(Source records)
******************************
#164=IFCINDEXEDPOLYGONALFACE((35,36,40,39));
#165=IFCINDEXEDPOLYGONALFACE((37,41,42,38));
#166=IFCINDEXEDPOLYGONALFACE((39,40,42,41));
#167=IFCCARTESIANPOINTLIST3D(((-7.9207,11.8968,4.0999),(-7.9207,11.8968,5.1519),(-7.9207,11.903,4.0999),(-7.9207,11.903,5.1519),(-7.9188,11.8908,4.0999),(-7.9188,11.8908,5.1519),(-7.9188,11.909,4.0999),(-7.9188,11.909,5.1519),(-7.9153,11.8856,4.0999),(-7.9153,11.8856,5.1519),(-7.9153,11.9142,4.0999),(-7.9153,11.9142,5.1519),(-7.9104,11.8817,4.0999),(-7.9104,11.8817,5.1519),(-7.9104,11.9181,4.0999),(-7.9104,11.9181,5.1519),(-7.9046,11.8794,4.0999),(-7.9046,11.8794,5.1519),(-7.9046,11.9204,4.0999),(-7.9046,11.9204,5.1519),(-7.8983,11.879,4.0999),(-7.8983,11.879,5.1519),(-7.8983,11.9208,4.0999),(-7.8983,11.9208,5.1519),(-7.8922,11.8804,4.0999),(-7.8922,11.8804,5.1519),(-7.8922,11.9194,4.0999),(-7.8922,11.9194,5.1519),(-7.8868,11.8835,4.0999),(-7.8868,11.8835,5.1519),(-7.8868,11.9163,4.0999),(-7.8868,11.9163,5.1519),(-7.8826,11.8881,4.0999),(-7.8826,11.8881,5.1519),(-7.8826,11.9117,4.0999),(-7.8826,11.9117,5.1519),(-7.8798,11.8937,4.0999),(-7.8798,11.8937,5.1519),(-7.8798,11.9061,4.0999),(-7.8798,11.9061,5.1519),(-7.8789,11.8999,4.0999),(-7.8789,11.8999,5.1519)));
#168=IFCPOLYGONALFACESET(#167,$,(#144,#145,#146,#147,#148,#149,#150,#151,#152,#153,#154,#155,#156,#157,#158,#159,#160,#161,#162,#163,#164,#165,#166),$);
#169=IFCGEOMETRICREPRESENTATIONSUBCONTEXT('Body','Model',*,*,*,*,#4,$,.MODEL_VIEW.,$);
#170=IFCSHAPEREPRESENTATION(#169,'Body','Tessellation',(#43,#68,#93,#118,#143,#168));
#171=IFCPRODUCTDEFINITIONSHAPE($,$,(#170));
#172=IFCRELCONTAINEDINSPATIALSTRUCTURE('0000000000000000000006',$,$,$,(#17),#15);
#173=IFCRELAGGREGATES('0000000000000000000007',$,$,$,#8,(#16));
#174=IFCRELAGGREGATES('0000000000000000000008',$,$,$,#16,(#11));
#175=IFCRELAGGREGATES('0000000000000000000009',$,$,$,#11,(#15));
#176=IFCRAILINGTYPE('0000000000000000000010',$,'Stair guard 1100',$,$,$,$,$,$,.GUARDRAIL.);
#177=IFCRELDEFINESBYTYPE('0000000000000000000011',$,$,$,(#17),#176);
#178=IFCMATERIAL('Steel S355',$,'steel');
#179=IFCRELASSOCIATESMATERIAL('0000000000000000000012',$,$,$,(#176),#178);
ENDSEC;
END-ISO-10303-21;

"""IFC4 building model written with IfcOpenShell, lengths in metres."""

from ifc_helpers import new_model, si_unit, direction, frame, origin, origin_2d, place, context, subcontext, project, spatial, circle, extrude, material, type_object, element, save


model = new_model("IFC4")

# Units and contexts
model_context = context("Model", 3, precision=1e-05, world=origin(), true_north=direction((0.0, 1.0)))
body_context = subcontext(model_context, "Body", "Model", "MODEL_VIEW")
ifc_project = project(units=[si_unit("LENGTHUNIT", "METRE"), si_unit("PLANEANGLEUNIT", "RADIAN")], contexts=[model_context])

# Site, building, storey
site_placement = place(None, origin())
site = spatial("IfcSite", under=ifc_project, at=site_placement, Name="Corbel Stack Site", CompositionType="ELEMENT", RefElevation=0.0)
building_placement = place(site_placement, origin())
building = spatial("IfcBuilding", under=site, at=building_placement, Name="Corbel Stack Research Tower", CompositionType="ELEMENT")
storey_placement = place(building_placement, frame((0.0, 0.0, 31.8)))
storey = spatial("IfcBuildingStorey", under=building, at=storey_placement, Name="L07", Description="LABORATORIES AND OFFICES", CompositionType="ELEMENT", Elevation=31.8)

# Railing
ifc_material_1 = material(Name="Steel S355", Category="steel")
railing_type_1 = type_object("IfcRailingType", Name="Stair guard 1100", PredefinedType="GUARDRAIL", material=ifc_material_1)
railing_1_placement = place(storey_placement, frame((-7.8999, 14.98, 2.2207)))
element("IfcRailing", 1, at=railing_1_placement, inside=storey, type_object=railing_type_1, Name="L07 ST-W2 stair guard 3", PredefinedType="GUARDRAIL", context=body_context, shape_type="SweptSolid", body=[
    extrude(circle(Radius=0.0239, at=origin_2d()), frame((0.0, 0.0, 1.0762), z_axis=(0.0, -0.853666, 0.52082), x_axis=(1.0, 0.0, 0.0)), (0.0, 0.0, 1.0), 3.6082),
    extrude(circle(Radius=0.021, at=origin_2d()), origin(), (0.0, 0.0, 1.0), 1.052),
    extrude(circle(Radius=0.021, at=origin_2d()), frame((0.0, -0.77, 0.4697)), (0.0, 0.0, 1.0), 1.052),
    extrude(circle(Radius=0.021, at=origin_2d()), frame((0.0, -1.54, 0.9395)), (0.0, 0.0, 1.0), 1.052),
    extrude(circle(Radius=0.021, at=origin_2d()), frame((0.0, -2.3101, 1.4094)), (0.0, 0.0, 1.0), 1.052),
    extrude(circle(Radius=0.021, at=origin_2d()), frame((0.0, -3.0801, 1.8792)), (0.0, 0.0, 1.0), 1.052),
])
******************************
**PROMPT**.
Where a line of the entries above holds the word "Corbel", return that line.

**ANSWER SPACE**.
site = spatial("IfcSite", under=ifc_project, at=site_placement, Name="Corbel Stack Site", CompositionType="ELEMENT", RefElevation=0.0)
building = spatial("IfcBuilding", under=site, at=building_placement, Name="Corbel Stack Research Tower", CompositionType="ELEMENT")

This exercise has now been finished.